(Stored items)
_ _ _ _ _

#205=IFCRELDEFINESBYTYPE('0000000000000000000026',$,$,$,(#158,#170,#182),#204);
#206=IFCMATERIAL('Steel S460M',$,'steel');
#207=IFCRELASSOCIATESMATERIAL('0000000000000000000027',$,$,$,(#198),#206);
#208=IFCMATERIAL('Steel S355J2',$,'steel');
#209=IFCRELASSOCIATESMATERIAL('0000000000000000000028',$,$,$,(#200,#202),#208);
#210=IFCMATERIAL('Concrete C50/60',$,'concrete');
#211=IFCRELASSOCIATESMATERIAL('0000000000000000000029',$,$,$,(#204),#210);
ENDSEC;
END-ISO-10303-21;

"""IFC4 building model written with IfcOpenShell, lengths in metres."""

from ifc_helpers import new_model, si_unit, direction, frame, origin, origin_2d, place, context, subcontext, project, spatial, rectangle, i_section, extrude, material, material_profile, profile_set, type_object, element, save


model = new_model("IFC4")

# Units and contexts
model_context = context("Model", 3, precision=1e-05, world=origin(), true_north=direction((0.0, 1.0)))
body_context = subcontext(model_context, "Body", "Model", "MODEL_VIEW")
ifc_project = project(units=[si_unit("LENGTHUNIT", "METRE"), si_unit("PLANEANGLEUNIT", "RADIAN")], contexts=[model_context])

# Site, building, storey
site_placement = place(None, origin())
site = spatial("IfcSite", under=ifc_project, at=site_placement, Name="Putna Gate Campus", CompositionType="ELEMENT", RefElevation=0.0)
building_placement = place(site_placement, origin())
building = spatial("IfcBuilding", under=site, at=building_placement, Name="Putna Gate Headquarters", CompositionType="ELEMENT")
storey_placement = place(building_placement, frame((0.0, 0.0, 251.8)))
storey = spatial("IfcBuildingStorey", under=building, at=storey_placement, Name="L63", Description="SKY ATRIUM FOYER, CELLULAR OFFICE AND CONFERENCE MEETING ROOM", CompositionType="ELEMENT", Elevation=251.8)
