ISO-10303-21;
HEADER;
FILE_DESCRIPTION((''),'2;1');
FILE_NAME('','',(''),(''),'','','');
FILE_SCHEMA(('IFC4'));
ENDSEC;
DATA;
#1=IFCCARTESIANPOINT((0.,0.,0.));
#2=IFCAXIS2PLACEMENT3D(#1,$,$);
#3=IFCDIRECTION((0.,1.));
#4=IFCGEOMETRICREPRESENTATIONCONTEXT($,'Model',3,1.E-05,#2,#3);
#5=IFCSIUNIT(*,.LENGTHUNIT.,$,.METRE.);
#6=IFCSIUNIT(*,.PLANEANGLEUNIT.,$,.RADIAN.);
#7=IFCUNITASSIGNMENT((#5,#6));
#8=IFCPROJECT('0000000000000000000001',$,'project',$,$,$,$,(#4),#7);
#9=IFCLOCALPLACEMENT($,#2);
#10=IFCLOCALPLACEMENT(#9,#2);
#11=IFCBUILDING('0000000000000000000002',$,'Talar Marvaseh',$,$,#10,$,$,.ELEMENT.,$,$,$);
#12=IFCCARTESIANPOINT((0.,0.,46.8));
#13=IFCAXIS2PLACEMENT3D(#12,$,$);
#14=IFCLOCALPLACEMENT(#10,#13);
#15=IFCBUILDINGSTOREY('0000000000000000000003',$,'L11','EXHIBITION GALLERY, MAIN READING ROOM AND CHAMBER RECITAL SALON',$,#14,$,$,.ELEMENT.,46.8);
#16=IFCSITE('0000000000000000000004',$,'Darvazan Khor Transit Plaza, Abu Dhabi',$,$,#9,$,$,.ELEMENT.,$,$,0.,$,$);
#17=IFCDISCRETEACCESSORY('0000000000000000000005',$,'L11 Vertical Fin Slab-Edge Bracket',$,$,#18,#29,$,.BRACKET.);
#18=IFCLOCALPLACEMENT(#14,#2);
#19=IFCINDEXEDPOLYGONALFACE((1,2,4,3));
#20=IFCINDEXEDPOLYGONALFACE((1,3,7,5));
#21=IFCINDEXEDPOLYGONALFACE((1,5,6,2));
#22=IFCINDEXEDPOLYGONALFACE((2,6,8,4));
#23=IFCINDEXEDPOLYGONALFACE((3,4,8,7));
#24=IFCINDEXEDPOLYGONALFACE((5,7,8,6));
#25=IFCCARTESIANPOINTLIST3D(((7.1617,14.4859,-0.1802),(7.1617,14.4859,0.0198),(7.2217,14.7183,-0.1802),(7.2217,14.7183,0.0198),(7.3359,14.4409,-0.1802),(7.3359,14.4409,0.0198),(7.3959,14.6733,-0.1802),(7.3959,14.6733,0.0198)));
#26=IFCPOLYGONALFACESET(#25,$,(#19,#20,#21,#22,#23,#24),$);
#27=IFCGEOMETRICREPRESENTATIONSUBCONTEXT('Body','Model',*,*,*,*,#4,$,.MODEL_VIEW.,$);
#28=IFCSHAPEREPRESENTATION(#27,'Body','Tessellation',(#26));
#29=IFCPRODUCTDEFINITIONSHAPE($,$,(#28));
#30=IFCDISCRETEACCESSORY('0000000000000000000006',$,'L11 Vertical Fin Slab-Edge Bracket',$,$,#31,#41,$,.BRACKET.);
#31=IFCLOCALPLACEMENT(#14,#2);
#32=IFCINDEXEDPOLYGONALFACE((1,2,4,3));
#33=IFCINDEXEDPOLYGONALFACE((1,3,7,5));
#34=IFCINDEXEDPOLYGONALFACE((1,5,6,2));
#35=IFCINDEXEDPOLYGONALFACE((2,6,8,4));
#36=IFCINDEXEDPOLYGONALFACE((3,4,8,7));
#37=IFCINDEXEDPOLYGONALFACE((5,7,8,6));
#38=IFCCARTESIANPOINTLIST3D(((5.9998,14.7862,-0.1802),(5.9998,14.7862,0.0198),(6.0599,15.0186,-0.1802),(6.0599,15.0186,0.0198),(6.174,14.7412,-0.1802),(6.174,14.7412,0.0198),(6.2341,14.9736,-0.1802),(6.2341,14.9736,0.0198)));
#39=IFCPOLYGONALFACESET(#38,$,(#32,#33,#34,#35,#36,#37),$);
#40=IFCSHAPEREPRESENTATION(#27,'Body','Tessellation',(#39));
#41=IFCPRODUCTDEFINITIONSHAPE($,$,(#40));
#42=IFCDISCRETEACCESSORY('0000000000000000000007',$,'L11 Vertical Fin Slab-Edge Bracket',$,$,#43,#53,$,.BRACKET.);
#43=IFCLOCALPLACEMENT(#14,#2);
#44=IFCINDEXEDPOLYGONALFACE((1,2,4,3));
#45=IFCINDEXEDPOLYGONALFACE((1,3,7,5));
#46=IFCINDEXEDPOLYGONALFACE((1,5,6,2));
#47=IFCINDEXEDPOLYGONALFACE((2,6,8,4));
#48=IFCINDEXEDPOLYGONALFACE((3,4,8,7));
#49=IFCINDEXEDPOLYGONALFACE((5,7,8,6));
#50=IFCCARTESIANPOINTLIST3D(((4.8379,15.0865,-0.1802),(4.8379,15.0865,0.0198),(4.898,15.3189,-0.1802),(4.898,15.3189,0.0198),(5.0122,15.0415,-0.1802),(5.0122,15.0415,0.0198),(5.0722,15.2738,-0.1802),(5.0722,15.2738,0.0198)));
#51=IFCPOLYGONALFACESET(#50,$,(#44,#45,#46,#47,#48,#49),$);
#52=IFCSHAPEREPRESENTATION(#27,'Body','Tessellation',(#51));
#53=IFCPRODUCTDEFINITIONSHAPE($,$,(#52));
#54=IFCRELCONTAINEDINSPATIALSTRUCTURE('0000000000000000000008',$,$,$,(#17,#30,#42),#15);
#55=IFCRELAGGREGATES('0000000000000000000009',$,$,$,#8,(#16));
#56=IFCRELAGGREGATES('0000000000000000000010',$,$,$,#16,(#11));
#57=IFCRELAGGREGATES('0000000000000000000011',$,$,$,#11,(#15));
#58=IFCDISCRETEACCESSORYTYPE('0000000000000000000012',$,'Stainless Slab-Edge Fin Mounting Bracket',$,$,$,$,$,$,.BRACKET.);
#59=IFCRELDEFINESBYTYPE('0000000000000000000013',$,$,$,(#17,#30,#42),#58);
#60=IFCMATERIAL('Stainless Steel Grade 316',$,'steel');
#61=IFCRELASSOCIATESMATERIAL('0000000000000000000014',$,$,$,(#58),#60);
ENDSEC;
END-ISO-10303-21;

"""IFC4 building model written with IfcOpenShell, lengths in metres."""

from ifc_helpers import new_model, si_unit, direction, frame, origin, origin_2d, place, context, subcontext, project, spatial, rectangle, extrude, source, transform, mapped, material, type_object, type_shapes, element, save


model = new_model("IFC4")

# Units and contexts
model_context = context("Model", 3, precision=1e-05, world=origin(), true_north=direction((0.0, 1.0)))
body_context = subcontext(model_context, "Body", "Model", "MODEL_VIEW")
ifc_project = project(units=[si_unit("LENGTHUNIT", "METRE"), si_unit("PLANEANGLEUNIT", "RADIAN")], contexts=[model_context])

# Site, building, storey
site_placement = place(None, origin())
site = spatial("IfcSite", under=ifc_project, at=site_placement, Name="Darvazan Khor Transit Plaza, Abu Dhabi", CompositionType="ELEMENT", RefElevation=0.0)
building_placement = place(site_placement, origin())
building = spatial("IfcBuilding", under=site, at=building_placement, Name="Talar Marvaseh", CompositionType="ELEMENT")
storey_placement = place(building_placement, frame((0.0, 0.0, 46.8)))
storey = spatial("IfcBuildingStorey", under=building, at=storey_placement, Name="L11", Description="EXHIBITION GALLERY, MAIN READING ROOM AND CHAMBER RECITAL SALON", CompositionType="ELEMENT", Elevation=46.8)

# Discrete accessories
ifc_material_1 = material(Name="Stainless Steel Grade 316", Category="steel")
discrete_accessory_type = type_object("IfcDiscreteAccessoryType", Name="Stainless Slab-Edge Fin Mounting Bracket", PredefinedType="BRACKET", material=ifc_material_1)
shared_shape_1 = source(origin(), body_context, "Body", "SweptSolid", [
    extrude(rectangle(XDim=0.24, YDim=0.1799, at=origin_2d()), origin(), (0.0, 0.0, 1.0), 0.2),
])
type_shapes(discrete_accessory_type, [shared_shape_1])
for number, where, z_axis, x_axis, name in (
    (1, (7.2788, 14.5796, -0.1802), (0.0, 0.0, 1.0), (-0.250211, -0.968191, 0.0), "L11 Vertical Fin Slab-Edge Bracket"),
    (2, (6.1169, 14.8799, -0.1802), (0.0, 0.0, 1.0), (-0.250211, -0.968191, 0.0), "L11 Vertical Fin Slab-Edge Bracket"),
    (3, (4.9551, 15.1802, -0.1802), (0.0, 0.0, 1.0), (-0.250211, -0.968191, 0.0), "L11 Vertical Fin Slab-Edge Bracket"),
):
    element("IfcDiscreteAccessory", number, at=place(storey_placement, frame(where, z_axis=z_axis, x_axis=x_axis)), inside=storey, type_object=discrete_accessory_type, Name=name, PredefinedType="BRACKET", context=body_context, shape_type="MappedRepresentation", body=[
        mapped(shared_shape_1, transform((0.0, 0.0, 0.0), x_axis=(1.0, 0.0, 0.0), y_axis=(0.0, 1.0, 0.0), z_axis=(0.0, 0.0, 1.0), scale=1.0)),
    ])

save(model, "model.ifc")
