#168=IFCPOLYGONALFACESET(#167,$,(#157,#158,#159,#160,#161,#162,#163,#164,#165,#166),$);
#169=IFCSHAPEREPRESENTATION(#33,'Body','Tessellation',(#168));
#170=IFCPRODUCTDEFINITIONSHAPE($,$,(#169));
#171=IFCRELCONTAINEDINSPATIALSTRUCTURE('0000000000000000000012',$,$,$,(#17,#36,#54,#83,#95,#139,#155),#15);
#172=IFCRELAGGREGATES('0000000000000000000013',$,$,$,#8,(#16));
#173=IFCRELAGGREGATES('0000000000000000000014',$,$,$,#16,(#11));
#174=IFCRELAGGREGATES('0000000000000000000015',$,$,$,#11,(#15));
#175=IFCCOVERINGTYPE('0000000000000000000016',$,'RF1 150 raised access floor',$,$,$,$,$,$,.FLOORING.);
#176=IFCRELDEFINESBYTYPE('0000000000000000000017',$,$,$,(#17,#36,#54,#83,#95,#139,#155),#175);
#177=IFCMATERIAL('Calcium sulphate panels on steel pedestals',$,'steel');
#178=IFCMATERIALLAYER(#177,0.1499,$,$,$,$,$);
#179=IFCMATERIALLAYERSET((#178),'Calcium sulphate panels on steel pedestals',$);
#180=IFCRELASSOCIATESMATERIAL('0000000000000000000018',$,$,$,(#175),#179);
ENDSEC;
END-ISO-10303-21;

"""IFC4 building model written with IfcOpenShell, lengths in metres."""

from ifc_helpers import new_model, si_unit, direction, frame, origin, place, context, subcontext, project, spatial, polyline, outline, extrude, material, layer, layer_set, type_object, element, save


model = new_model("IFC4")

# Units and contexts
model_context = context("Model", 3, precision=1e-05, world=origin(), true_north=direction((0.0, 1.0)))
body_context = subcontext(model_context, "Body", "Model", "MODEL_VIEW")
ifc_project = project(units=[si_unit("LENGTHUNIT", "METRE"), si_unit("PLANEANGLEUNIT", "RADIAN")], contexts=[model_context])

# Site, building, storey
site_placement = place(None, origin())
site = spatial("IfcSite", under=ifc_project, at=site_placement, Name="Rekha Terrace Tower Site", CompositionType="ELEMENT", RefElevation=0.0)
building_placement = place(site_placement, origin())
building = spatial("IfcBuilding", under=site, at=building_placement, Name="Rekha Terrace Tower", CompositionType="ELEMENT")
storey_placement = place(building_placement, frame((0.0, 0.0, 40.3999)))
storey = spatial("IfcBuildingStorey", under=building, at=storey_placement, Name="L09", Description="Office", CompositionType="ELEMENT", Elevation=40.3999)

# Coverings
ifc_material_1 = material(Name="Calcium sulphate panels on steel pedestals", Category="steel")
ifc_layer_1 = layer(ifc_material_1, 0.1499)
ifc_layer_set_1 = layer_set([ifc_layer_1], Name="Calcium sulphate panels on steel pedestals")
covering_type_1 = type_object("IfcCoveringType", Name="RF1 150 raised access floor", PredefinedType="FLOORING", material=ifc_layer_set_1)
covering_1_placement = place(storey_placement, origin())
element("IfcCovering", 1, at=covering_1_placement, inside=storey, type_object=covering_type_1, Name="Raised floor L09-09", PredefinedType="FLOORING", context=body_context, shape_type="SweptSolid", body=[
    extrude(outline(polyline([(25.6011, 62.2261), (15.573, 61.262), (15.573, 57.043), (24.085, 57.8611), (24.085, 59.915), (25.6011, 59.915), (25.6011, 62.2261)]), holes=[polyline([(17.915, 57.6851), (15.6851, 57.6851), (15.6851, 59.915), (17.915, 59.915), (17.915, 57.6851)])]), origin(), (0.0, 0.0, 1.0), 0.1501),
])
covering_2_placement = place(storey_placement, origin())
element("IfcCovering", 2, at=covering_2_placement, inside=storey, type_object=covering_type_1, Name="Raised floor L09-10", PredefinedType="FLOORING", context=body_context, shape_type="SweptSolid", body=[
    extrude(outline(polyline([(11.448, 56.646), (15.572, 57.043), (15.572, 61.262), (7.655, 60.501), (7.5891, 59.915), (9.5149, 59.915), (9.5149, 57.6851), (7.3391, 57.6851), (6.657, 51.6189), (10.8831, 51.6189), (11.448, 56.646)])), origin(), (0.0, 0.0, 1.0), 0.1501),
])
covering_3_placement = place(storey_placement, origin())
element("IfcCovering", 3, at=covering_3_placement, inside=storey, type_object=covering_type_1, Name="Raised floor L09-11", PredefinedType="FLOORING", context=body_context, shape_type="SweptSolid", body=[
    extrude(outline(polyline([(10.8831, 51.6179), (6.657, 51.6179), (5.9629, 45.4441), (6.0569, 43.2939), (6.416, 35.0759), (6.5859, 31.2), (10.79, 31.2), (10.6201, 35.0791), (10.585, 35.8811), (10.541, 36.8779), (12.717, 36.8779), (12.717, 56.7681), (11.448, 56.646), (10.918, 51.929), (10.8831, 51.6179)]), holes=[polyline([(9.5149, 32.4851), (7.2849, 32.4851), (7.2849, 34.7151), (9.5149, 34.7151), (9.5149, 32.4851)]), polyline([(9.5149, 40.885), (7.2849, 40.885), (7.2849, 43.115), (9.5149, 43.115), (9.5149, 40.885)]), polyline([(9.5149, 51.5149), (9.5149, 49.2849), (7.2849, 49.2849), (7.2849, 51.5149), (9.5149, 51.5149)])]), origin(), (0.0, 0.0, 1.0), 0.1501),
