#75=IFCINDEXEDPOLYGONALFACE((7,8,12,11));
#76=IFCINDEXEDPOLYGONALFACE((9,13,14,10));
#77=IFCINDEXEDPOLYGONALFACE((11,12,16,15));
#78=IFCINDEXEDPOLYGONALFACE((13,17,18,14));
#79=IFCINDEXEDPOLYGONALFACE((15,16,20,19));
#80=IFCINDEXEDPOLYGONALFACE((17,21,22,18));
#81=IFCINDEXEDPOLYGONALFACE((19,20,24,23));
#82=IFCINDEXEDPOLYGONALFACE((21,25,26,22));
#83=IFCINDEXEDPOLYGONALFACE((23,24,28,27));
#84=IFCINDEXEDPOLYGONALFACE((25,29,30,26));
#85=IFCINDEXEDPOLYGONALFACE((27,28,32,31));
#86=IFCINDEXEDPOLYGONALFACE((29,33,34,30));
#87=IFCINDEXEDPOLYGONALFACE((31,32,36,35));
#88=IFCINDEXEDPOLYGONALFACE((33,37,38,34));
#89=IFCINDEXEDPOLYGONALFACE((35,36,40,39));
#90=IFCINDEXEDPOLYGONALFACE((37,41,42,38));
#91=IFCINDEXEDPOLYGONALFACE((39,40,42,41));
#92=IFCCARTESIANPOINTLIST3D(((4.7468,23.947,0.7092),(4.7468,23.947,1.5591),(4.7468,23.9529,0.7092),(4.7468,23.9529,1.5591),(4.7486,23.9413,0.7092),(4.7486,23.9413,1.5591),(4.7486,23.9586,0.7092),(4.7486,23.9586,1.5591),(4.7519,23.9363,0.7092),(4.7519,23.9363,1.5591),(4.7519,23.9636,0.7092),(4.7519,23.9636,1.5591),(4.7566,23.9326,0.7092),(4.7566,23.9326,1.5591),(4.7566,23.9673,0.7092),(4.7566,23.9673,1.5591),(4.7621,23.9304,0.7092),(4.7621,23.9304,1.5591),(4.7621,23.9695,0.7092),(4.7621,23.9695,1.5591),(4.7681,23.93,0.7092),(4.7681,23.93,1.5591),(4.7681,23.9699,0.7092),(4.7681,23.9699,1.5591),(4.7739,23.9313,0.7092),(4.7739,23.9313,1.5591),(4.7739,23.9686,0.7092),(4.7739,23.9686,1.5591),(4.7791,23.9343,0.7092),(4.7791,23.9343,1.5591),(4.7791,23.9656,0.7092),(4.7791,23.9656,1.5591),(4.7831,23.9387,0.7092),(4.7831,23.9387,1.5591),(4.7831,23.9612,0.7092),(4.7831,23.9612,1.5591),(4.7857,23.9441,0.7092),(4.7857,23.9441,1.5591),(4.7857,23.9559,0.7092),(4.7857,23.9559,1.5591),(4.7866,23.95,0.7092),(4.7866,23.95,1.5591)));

_ _ _ _ _

Please copy every line of the data that carries the string "IFCRELAGGREGATES".

#55=IFCRELAGGREGATES('0000000000000000000009',$,$,$,#8,(#16));
#56=IFCRELAGGREGATES('0000000000000000000010',$,$,$,#16,(#11));
#57=IFCRELAGGREGATES('0000000000000000000011',$,$,$,#11,(#15));
#172=IFCRELAGGREGATES('0000000000000000000013',$,$,$,#8,(#16));
#173=IFCRELAGGREGATES('0000000000000000000014',$,$,$,#16,(#11));
#174=IFCRELAGGREGATES('0000000000000000000015',$,$,$,#11,(#15));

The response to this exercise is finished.